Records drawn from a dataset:

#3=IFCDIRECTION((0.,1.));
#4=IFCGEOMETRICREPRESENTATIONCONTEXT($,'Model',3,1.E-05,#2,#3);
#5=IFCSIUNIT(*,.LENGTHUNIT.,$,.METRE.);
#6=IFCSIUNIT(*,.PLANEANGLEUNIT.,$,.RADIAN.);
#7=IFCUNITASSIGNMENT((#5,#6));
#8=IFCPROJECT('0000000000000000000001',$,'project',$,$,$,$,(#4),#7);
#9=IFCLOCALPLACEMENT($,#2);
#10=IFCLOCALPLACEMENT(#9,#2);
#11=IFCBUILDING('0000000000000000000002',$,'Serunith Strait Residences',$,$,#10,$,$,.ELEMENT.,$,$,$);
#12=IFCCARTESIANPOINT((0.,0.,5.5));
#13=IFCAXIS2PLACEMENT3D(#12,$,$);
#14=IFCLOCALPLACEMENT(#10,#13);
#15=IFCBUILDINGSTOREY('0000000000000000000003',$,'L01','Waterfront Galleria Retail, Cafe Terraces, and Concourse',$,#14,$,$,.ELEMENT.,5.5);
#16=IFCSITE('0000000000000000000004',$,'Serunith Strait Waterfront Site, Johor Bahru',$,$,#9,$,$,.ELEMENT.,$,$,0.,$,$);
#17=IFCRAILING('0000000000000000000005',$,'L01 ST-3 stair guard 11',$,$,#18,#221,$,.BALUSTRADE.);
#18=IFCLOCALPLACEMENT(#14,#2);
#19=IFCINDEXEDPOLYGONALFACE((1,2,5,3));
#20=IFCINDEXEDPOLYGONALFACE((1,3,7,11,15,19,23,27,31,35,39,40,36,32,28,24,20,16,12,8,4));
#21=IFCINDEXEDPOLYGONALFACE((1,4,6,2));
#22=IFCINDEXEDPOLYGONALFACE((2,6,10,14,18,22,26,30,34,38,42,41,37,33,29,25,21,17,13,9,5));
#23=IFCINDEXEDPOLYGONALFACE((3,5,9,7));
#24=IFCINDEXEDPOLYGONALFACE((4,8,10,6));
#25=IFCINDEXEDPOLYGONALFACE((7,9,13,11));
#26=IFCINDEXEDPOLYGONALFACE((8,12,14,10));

**EXERCISE:**
Exact copies of the lines from the one holding "Terraces, and Concourse',$,#14,$,$,.ELEMENT.,5.5);" to the end of the entries are all that should be written.

**RESULT FOR THIS EXERCISE:**
#15=IFCBUILDINGSTOREY('0000000000000000000003',$,'L01','Waterfront Galleria Retail, Cafe Terraces, and Concourse',$,#14,$,$,.ELEMENT.,5.5);
#16=IFCSITE('0000000000000000000004',$,'Serunith Strait Waterfront Site, Johor Bahru',$,$,#9,$,$,.ELEMENT.,$,$,0.,$,$);
#17=IFCRAILING('0000000000000000000005',$,'L01 ST-3 stair guard 11',$,$,#18,#221,$,.BALUSTRADE.);
#18=IFCLOCALPLACEMENT(#14,#2);
#19=IFCINDEXEDPOLYGONALFACE((1,2,5,3));
#20=IFCINDEXEDPOLYGONALFACE((1,3,7,11,15,19,23,27,31,35,39,40,36,32,28,24,20,16,12,8,4));
#21=IFCINDEXEDPOLYGONALFACE((1,4,6,2));
#22=IFCINDEXEDPOLYGONALFACE((2,6,10,14,18,22,26,30,34,38,42,41,37,33,29,25,21,17,13,9,5));
#23=IFCINDEXEDPOLYGONALFACE((3,5,9,7));
#24=IFCINDEXEDPOLYGONALFACE((4,8,10,6));
#25=IFCINDEXEDPOLYGONALFACE((7,9,13,11));
#26=IFCINDEXEDPOLYGONALFACE((8,12,14,10));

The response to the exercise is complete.